**Stored data**.
+++++
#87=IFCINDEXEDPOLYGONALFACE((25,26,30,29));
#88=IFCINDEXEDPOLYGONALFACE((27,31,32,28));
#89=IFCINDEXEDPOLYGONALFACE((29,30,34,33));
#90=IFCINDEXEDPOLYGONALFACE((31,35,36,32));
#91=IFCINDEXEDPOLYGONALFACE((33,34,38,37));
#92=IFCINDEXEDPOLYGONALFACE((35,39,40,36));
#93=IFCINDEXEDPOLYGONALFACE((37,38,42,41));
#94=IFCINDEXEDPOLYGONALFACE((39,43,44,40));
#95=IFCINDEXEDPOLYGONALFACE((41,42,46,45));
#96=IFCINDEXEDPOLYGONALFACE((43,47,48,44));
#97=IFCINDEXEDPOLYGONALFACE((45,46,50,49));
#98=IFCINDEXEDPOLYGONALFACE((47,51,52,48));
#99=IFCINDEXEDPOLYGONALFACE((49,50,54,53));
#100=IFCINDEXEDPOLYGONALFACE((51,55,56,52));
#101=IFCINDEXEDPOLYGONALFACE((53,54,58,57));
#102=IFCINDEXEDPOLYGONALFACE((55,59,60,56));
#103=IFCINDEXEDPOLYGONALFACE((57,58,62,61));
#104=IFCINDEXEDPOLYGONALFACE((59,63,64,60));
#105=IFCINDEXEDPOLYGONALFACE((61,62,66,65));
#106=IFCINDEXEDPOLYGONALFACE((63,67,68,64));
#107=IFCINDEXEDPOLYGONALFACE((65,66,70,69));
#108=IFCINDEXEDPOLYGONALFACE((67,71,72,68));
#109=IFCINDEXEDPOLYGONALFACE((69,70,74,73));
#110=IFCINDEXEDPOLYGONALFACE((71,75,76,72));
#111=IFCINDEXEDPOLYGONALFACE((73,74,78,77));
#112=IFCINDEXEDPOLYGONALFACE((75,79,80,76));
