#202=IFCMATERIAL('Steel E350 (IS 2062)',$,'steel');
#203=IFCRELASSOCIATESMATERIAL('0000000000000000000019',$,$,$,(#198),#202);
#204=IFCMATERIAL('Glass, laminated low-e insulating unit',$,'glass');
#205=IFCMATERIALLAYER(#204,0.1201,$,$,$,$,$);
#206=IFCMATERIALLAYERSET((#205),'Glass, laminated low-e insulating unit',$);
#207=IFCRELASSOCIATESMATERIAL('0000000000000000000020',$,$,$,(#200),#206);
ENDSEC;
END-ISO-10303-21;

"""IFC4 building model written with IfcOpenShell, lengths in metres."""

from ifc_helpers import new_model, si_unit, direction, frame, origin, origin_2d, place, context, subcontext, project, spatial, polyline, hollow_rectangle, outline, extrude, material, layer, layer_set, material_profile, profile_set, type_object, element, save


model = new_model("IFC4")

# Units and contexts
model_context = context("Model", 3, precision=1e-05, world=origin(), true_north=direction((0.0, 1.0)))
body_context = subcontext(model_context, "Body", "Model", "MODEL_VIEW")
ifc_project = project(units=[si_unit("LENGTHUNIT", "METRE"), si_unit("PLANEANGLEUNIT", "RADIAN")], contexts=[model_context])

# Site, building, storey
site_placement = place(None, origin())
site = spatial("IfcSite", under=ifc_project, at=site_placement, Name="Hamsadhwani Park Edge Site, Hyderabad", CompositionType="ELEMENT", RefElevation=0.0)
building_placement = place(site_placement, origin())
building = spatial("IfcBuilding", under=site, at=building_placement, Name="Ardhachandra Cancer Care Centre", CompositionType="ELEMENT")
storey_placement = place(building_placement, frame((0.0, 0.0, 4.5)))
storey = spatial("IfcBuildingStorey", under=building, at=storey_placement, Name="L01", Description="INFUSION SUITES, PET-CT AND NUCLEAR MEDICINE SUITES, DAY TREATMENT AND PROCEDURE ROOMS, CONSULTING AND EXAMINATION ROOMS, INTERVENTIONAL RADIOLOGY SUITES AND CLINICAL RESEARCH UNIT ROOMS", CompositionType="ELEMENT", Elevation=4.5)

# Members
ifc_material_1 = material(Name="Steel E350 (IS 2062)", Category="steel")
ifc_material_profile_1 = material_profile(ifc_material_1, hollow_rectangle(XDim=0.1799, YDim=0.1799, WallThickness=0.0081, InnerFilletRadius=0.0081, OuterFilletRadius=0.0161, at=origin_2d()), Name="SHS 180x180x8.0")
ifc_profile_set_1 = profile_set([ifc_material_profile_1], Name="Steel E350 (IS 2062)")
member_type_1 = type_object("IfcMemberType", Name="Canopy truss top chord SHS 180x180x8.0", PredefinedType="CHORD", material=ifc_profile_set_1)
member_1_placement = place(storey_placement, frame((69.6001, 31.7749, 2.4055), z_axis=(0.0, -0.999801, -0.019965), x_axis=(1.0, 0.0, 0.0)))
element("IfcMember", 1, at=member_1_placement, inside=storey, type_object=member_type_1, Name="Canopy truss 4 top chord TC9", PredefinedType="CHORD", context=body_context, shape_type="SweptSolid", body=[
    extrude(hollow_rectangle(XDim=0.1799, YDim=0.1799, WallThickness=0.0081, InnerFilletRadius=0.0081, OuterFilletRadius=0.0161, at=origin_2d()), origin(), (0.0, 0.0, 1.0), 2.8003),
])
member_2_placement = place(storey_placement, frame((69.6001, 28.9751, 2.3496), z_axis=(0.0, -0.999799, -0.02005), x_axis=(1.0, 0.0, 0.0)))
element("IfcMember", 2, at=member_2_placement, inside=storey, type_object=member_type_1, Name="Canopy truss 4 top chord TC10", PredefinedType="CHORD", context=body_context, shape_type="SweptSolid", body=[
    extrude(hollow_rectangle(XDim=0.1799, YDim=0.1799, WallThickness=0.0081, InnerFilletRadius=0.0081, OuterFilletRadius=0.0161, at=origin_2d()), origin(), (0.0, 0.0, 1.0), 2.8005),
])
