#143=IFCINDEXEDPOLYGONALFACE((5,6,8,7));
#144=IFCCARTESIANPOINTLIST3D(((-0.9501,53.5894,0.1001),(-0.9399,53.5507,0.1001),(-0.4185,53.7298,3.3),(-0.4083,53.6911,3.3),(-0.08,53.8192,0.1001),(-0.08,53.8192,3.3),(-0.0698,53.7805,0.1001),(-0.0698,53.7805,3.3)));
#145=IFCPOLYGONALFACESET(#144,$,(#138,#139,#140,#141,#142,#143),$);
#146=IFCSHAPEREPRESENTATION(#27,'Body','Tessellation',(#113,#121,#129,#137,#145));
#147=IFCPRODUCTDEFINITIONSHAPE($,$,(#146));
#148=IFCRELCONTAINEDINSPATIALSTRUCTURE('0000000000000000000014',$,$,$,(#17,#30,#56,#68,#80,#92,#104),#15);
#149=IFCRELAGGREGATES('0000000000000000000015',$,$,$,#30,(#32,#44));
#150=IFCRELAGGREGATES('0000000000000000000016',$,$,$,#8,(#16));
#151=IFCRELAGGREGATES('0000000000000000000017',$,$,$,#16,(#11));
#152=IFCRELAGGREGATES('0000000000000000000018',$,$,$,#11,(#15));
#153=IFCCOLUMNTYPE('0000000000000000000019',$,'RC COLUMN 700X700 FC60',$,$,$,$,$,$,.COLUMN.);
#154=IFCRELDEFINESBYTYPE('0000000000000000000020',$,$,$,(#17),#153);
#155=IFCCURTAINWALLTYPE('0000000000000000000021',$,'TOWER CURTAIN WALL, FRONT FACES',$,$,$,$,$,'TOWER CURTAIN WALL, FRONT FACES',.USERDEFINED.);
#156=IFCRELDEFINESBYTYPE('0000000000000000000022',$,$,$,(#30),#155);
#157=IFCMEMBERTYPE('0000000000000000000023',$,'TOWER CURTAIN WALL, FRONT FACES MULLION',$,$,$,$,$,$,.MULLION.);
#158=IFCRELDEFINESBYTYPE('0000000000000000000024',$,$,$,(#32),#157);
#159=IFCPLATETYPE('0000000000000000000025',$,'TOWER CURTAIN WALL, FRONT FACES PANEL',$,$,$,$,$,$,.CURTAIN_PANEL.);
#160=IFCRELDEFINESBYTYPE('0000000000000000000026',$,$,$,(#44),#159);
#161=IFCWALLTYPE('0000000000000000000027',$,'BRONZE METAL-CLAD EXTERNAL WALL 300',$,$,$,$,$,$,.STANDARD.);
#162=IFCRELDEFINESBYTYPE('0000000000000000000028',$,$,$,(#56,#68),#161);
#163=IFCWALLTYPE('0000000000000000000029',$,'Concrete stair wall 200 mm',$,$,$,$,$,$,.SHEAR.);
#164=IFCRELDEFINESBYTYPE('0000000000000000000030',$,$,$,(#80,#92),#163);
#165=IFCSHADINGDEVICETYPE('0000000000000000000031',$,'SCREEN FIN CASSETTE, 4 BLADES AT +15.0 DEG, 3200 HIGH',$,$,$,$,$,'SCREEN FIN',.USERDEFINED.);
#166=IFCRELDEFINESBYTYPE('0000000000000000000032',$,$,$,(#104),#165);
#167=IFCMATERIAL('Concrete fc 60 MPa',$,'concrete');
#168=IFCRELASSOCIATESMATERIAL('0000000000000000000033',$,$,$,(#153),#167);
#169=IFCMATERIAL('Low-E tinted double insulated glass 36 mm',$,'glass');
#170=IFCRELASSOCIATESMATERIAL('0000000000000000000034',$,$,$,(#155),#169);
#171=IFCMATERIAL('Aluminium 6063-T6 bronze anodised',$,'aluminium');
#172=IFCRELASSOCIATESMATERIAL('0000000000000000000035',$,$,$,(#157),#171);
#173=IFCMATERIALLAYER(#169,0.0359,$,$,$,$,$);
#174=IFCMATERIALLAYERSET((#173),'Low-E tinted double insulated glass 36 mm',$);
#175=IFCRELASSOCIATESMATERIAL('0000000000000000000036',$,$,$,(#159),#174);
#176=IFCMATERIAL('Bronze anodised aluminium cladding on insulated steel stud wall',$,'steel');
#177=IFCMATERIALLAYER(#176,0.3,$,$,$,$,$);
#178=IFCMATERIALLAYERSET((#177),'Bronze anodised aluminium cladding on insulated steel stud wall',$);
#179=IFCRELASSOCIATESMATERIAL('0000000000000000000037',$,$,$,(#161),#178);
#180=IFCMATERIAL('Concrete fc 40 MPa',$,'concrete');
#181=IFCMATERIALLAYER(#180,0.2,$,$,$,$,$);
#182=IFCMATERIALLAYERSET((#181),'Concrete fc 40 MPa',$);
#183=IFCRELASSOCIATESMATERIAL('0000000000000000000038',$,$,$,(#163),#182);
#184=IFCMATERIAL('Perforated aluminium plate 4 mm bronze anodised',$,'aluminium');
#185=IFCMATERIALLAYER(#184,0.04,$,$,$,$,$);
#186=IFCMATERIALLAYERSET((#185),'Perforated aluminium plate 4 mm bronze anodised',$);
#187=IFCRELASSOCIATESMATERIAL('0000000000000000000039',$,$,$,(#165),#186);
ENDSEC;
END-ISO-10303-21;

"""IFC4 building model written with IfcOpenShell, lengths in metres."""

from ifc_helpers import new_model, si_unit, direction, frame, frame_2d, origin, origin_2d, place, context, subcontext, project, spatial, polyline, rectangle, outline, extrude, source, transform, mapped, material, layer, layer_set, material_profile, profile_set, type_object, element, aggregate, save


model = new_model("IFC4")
+++++
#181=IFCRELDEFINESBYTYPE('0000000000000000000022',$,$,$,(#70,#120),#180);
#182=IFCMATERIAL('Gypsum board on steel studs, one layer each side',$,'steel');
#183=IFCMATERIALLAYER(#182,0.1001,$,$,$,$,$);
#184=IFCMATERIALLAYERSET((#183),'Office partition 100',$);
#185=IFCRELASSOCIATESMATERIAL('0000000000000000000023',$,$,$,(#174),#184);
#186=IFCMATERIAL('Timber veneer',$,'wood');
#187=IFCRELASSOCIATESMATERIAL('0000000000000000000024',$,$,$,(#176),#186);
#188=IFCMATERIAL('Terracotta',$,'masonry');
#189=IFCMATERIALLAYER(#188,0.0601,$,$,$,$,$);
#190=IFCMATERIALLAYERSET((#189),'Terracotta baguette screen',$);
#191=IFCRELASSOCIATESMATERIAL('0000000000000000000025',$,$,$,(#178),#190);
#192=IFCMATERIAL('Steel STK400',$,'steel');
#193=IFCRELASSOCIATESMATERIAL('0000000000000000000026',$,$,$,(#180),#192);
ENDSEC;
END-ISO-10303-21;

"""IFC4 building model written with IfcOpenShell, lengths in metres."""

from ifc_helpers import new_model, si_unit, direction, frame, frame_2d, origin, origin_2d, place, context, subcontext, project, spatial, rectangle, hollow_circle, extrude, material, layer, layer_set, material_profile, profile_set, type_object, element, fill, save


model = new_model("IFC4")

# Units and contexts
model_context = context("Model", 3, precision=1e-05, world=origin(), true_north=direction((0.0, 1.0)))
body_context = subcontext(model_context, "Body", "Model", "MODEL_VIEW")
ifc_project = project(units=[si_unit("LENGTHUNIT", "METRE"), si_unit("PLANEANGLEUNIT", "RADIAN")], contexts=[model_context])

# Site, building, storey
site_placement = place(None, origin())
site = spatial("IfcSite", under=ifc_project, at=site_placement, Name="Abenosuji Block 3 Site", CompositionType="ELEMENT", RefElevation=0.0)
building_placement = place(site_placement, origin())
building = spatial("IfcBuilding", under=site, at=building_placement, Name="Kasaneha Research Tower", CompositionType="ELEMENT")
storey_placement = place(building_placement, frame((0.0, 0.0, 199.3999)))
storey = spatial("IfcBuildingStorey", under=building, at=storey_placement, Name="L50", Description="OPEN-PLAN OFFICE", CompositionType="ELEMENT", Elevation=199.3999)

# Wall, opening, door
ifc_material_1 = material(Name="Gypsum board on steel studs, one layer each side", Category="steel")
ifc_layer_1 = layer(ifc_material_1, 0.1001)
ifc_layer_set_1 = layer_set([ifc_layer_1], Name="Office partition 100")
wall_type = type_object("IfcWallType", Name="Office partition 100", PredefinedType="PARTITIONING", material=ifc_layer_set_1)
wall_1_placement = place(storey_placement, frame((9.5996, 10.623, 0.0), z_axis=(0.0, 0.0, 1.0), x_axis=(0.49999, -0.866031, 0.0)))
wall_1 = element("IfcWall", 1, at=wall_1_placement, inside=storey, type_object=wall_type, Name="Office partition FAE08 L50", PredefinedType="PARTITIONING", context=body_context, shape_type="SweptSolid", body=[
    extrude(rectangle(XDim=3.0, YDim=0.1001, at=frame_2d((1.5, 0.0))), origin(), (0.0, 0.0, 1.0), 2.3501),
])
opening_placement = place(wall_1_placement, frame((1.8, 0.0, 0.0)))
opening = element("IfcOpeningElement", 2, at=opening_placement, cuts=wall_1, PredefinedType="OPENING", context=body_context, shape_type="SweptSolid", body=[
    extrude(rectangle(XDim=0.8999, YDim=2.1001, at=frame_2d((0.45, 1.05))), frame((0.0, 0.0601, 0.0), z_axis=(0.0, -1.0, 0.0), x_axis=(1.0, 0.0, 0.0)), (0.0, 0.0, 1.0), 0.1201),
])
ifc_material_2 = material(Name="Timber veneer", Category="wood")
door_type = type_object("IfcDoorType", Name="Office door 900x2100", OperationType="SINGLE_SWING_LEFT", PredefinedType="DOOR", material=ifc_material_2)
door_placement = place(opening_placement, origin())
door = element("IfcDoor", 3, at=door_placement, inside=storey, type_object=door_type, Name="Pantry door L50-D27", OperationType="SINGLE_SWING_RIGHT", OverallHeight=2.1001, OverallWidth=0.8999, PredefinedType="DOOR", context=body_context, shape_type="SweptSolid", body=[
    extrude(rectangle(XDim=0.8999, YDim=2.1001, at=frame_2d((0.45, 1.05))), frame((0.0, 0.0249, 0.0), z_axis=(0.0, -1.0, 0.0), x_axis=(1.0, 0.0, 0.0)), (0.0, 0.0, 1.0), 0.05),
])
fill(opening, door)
+++++
**Aim of the task**. What is the number of lines above that contain the string "XDim"? Answer with the number alone.

**Task output**. 6